Among the entries, find each line that includes the string "IFCINDEXEDPOLYGONALFACE" and list it.

[Items from a dataset]
-*-*-

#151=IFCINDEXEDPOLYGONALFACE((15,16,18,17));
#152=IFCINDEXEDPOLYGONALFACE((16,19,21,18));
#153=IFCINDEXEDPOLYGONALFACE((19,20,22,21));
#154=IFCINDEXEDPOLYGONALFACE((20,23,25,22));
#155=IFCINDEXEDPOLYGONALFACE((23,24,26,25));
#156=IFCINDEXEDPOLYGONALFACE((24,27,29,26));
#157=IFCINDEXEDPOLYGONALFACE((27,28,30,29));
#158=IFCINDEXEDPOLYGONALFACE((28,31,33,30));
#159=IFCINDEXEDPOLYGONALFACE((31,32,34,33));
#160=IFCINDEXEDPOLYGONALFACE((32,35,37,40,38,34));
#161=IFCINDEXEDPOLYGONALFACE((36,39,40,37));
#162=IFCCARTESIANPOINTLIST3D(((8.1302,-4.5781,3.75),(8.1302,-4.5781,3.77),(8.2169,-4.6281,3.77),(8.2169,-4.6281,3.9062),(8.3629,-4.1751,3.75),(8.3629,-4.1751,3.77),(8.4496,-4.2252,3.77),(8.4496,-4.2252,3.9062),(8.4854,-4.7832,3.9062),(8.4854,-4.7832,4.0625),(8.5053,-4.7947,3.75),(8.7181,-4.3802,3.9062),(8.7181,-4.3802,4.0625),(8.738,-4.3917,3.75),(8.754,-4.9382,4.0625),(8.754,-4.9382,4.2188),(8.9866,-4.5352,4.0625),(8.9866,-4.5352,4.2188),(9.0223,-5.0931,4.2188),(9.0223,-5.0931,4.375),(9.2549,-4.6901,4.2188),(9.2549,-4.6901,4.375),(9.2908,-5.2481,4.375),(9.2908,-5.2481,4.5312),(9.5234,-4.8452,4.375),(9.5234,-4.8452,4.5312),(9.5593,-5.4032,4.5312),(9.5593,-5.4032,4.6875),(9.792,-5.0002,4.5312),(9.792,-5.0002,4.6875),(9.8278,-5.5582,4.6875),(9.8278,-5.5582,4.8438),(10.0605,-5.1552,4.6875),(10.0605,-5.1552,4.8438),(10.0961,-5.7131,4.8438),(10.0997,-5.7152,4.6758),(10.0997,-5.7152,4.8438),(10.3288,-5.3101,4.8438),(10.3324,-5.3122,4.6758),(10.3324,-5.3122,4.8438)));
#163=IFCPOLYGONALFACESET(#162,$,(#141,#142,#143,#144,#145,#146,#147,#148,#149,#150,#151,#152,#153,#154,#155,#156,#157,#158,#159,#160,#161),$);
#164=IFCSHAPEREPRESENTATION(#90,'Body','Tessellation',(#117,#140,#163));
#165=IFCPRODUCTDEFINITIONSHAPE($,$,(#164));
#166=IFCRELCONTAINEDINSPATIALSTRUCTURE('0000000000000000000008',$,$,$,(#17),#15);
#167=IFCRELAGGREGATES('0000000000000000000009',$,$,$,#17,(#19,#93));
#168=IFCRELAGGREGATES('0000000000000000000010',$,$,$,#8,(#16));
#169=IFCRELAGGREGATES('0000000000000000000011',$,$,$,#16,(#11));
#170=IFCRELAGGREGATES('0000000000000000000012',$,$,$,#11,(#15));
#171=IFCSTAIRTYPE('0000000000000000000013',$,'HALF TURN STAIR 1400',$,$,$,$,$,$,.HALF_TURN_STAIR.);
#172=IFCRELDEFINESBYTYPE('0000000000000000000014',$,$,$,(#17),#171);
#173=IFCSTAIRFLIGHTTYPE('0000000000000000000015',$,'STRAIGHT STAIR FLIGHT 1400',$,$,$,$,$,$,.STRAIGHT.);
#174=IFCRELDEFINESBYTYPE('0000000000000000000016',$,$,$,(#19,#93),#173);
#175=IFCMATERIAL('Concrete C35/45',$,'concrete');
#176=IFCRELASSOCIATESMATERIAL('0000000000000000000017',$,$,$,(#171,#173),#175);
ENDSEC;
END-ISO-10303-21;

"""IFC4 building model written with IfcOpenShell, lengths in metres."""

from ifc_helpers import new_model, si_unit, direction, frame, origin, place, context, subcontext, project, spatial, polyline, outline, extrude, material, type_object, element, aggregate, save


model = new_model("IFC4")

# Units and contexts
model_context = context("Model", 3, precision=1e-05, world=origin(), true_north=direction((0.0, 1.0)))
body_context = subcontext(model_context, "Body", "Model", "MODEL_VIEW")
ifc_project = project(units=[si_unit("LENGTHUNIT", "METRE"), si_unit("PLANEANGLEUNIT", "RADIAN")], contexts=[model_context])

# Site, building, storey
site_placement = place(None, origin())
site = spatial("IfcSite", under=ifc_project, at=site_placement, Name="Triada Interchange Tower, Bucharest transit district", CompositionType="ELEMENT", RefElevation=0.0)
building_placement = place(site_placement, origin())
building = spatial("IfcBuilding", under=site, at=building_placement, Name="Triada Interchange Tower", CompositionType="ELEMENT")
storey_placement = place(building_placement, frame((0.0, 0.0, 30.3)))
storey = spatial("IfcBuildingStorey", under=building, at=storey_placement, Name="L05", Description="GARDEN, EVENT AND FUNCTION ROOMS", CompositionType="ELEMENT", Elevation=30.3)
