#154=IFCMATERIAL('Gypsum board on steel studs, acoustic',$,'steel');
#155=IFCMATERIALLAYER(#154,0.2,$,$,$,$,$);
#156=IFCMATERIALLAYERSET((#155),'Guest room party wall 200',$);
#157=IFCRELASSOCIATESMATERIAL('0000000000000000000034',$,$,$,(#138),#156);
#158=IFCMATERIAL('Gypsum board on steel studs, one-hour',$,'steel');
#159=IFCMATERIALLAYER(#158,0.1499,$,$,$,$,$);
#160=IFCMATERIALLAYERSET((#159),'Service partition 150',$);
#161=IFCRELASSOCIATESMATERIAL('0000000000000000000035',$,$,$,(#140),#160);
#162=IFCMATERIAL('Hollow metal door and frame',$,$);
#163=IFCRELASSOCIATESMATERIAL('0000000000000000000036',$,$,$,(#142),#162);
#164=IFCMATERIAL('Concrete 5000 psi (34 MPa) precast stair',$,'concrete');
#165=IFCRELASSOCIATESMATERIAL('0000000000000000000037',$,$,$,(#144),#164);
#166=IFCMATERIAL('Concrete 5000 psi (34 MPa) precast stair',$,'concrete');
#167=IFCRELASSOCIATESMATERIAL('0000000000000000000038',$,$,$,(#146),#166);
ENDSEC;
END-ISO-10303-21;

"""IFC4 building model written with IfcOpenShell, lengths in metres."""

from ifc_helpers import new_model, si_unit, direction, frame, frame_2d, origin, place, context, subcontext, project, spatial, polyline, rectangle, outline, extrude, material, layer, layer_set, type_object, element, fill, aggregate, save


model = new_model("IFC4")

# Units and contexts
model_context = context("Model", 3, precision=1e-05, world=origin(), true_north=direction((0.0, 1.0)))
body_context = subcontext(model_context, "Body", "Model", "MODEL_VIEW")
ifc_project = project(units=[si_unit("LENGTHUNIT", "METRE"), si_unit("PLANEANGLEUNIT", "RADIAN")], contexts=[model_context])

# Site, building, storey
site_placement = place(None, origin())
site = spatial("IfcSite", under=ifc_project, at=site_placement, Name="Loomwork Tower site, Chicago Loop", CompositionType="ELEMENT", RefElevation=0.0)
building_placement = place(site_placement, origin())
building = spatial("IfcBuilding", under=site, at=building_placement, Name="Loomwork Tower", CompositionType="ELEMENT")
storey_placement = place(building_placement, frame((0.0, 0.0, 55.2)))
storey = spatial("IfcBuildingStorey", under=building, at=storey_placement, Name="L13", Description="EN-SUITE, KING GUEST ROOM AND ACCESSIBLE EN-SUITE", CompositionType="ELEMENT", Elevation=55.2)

-*-*-

> [Solution to this exercise]
#151=IFCINDEXEDPOLYGONALFACE((15,16,18,17));
#152=IFCINDEXEDPOLYGONALFACE((16,19,21,18));
#153=IFCINDEXEDPOLYGONALFACE((19,20,22,21));
#154=IFCINDEXEDPOLYGONALFACE((20,23,25,22));
#155=IFCINDEXEDPOLYGONALFACE((23,24,26,25));
#156=IFCINDEXEDPOLYGONALFACE((24,27,29,26));
#157=IFCINDEXEDPOLYGONALFACE((27,28,30,29));
#158=IFCINDEXEDPOLYGONALFACE((28,31,33,30));
#159=IFCINDEXEDPOLYGONALFACE((31,32,34,33));
#160=IFCINDEXEDPOLYGONALFACE((32,35,37,40,38,34));
#161=IFCINDEXEDPOLYGONALFACE((36,39,40,37));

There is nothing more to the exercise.